What the exercise asks:
Copy each line of the records that contains the word "IfcWallType".

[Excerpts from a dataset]
:::::

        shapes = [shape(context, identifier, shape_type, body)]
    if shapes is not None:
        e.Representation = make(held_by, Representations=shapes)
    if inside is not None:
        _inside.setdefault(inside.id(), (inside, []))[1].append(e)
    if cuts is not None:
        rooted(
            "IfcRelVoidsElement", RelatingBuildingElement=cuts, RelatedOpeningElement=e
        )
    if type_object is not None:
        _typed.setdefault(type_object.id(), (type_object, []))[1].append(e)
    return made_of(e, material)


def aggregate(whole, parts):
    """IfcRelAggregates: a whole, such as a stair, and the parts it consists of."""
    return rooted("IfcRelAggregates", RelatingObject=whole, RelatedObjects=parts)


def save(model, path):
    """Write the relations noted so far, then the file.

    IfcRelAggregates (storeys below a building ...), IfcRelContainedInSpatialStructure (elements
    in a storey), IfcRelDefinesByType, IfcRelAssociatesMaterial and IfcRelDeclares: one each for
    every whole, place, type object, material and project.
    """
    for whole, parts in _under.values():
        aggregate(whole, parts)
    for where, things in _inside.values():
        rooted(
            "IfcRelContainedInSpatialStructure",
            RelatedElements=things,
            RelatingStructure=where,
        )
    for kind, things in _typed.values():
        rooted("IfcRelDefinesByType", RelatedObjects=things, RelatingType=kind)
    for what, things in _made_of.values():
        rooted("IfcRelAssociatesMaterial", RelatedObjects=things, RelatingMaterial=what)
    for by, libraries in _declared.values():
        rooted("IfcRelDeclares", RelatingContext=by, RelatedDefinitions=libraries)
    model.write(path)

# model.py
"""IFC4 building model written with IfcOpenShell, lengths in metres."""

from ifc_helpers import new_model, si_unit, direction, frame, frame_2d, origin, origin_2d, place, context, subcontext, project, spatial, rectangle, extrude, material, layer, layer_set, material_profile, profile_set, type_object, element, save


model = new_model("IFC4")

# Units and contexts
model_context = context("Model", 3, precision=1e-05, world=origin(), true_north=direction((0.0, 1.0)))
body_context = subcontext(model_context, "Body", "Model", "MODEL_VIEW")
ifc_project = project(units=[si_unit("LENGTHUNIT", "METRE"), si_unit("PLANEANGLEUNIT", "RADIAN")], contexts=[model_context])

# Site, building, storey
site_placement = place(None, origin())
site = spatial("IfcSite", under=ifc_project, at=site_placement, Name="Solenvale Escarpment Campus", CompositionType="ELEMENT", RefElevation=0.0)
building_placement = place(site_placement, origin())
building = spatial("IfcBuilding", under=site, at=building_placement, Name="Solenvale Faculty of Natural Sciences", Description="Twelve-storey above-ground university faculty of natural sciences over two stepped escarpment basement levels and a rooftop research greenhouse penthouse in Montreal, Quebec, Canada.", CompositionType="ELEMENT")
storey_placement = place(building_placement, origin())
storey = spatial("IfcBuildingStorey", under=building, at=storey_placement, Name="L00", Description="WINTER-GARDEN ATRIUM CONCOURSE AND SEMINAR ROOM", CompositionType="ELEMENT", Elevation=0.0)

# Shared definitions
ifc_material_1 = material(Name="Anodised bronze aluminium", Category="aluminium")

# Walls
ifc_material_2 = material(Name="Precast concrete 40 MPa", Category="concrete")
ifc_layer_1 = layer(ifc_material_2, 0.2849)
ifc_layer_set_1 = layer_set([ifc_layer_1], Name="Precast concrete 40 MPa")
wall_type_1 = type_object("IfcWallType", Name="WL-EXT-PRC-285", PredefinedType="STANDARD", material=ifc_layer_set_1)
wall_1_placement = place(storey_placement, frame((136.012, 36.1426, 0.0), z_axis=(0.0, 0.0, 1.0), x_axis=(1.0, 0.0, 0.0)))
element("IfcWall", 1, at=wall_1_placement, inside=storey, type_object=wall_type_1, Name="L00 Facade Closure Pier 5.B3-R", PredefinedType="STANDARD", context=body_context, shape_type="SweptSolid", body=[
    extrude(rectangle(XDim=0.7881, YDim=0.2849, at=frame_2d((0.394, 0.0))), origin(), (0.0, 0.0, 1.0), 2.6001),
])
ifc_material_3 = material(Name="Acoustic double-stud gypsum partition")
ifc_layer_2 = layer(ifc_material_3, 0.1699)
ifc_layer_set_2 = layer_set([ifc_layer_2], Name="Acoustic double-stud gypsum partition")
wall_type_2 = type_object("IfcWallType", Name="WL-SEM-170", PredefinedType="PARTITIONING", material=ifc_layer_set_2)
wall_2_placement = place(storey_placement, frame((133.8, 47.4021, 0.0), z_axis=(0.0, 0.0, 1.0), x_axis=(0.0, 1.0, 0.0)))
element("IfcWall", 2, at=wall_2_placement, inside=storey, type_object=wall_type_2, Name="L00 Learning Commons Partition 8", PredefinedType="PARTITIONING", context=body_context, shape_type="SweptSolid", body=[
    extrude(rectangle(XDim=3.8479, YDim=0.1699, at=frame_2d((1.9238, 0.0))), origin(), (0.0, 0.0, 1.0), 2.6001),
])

:::::

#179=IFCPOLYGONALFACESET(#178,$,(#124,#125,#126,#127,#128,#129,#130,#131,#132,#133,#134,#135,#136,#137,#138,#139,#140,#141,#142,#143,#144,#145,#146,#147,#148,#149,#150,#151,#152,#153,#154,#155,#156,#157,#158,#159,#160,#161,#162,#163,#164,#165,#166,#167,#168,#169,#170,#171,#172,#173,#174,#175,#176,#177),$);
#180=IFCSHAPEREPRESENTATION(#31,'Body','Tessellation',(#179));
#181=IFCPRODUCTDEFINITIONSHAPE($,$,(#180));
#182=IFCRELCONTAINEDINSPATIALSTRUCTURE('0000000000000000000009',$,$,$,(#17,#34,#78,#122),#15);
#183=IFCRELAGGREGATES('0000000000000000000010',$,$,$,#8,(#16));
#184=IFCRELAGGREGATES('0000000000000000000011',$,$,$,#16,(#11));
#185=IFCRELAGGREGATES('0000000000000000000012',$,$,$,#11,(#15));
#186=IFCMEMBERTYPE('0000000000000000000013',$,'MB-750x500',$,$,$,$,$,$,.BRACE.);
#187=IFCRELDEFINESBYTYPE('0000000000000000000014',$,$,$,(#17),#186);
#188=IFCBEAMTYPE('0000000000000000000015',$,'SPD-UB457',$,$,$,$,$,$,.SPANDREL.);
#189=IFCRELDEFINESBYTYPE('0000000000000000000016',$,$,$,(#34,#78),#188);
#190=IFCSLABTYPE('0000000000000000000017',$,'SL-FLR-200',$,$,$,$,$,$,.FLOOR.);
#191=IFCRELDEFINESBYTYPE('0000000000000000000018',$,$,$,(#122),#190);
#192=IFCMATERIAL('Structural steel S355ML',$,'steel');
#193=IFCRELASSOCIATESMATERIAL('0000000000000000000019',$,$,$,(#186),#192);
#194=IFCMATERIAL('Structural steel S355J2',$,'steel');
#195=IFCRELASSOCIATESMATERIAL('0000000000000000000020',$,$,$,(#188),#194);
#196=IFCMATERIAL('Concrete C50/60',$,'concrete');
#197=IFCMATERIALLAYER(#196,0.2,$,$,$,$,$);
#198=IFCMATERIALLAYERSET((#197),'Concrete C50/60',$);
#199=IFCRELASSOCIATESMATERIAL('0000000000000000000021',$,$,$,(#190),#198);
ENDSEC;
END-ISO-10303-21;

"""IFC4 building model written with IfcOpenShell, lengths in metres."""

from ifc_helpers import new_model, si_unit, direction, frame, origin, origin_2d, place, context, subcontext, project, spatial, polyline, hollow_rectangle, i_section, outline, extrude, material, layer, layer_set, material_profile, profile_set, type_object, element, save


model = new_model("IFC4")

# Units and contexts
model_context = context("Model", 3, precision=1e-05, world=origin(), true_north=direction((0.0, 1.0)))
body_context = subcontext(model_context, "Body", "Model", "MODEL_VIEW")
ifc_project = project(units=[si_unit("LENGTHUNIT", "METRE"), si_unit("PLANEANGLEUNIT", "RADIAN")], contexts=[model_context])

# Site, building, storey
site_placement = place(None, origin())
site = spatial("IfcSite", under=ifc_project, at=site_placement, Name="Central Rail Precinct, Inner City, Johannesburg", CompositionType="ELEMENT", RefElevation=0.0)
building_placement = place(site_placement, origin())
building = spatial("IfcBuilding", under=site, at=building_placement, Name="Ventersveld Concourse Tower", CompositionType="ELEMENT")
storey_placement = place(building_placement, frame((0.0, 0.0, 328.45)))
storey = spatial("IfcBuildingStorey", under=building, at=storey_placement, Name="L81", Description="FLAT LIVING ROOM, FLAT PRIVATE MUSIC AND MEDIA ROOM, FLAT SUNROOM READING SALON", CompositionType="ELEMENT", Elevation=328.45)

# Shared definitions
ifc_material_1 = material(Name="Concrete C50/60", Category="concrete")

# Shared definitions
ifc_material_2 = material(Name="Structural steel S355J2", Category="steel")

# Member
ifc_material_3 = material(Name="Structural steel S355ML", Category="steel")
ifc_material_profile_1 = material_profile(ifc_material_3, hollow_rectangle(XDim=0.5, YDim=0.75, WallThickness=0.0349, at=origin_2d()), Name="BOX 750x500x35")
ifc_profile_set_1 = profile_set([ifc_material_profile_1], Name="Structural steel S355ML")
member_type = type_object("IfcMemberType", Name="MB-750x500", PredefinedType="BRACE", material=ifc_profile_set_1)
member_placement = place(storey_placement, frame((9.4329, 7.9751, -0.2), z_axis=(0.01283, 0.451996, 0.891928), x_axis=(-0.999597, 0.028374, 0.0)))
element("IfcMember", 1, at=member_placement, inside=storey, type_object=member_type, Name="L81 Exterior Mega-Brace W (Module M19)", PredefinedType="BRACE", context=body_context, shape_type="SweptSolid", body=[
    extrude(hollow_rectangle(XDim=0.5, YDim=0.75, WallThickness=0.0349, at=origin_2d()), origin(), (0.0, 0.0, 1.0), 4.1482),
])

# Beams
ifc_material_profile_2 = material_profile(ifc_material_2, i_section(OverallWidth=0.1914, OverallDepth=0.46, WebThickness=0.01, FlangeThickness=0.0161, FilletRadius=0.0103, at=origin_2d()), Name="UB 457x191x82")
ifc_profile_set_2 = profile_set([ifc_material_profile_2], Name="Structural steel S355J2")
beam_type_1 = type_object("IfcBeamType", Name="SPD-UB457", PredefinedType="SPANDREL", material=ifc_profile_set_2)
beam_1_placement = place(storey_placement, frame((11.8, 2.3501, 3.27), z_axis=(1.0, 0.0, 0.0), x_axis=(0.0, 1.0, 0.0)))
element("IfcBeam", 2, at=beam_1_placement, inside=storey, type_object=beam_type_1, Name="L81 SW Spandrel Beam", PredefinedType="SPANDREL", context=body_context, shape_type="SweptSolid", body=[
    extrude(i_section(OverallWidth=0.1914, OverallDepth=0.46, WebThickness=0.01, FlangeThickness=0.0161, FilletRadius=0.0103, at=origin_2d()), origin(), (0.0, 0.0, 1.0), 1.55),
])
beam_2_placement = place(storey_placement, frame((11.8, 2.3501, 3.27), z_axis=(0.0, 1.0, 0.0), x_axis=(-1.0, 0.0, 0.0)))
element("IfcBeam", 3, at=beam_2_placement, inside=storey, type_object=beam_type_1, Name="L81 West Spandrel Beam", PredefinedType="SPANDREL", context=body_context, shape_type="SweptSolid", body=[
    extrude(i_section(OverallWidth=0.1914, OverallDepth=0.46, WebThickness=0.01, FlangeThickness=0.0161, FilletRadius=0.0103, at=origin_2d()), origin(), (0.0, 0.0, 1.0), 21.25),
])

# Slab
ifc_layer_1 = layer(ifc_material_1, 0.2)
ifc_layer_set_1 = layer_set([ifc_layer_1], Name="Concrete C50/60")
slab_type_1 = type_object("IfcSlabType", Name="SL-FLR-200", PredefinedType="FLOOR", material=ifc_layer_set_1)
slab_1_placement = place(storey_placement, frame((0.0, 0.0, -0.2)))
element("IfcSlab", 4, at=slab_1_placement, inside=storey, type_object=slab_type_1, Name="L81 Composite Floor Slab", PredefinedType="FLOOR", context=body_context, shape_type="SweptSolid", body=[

:::::

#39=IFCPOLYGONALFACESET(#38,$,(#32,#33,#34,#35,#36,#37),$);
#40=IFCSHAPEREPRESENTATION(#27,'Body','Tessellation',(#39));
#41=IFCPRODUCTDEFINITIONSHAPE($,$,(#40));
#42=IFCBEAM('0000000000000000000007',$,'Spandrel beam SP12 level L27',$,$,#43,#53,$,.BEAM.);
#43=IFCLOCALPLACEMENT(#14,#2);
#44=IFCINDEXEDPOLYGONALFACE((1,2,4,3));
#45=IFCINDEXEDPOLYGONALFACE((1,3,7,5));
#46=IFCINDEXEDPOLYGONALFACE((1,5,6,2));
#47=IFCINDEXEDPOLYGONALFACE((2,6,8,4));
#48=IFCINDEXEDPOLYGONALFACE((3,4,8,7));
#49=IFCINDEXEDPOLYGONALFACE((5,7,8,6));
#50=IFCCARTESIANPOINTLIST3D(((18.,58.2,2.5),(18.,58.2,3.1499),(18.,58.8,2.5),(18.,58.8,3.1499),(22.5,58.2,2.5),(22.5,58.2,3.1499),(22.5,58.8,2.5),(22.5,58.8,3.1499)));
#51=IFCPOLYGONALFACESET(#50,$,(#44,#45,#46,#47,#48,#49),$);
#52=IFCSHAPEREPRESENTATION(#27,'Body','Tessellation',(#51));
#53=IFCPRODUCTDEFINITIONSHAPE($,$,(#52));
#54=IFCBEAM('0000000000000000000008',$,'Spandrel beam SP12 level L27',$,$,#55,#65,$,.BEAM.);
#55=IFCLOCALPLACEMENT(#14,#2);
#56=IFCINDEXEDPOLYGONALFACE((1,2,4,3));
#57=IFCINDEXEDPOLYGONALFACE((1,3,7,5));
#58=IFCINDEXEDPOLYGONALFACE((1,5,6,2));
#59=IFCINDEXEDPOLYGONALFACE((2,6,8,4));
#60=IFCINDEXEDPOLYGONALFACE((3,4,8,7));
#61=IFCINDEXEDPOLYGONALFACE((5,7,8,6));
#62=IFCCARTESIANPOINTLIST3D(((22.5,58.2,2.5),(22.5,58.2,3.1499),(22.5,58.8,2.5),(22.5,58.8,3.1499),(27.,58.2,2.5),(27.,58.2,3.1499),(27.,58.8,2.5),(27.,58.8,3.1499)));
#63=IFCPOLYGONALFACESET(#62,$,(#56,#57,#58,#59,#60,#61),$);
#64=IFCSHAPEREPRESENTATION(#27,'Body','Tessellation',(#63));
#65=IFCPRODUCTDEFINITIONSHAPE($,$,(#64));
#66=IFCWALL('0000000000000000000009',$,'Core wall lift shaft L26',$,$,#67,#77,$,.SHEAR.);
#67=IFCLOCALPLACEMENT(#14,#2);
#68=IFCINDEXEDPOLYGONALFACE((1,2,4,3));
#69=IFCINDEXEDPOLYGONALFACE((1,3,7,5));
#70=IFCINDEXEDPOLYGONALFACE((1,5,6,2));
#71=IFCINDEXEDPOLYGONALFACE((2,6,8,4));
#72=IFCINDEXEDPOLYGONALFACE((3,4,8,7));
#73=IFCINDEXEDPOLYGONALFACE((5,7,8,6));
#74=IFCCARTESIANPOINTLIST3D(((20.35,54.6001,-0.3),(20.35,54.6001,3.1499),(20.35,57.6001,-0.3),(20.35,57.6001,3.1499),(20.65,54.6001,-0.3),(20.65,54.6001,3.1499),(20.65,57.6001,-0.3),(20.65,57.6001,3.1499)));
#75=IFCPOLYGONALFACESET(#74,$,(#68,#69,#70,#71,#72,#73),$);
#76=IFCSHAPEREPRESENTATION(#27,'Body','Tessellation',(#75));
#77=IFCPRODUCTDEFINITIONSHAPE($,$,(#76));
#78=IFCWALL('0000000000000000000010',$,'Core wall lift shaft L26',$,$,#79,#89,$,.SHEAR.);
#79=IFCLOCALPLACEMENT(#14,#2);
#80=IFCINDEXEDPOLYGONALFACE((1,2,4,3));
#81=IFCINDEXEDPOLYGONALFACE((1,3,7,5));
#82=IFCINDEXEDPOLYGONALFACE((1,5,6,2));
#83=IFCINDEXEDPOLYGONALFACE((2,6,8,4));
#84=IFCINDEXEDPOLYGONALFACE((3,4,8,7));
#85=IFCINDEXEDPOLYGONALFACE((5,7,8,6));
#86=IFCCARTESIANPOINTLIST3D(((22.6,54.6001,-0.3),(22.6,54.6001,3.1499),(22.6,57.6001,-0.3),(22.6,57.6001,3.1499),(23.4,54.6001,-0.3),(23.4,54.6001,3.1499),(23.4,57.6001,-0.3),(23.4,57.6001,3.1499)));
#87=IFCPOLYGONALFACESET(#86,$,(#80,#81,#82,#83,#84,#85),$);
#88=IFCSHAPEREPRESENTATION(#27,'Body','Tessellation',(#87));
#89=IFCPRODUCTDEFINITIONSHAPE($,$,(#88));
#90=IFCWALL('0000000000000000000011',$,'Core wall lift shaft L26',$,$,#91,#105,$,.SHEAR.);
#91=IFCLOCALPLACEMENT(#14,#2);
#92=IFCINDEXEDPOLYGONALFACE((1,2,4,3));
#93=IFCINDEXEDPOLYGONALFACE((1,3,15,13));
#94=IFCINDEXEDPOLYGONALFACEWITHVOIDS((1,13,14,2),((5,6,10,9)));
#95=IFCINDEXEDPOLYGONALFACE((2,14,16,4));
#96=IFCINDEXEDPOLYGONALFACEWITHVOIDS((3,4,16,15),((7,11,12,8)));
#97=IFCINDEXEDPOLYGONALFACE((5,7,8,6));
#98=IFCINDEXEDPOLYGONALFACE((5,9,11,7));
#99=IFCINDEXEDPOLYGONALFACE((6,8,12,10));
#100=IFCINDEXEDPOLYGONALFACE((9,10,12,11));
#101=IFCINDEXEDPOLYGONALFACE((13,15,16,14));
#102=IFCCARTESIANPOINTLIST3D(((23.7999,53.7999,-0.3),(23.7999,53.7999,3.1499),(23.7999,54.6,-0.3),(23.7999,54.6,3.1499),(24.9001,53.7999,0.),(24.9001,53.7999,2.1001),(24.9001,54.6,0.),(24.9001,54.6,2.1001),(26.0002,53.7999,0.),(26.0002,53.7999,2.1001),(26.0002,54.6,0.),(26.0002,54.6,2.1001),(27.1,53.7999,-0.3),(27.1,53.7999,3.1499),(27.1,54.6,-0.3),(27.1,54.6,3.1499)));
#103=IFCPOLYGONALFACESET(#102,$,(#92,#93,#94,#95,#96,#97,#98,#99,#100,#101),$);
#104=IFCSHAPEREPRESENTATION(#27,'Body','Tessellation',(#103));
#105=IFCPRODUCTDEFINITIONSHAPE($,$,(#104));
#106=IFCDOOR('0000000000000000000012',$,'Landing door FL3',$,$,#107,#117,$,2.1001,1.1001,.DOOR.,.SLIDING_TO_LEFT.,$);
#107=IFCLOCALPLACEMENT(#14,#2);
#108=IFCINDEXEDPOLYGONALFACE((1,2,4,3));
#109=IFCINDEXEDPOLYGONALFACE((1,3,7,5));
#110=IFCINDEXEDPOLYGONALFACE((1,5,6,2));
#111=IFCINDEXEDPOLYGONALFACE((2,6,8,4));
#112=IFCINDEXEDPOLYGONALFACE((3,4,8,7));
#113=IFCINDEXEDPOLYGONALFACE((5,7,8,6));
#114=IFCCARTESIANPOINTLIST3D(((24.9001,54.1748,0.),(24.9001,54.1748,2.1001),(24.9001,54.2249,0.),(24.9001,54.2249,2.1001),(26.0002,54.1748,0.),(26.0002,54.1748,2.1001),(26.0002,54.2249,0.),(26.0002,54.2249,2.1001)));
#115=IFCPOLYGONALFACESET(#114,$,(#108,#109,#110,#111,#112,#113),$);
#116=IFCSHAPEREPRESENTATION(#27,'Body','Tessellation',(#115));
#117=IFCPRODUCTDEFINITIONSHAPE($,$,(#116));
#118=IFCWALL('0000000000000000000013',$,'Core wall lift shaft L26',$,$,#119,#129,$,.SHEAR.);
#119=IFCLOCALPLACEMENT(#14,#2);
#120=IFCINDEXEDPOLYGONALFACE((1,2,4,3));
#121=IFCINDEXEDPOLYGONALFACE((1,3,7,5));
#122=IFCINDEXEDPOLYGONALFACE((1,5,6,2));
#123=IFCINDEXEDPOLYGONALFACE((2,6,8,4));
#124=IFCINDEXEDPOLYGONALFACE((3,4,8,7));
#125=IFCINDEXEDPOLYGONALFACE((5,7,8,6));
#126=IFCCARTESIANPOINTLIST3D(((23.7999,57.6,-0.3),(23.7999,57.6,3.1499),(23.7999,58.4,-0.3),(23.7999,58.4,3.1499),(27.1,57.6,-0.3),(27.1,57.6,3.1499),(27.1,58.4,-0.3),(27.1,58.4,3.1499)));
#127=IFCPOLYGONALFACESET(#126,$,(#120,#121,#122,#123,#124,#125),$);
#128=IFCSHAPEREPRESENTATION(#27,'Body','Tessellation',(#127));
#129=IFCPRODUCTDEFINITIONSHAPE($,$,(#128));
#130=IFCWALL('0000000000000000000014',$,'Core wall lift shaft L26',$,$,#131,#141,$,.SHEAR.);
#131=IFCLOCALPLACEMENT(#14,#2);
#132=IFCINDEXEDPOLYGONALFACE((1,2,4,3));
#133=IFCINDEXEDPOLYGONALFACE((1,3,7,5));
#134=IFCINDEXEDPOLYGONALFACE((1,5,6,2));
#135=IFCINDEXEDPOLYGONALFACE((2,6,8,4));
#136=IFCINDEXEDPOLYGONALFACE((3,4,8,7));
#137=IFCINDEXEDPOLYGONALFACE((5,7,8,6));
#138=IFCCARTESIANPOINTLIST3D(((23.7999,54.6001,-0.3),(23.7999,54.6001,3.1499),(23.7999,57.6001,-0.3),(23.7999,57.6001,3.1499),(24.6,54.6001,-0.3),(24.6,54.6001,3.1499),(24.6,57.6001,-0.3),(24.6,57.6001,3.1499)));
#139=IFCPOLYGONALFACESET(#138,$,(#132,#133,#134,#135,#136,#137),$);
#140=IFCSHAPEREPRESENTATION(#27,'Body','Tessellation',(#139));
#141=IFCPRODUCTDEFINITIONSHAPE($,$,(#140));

:::::

The completed task:
wall_type_1 = type_object("IfcWallType", Name="WL-EXT-PRC-285", PredefinedType="STANDARD", material=ifc_layer_set_1)
wall_type_2 = type_object("IfcWallType", Name="WL-SEM-170", PredefinedType="PARTITIONING", material=ifc_layer_set_2)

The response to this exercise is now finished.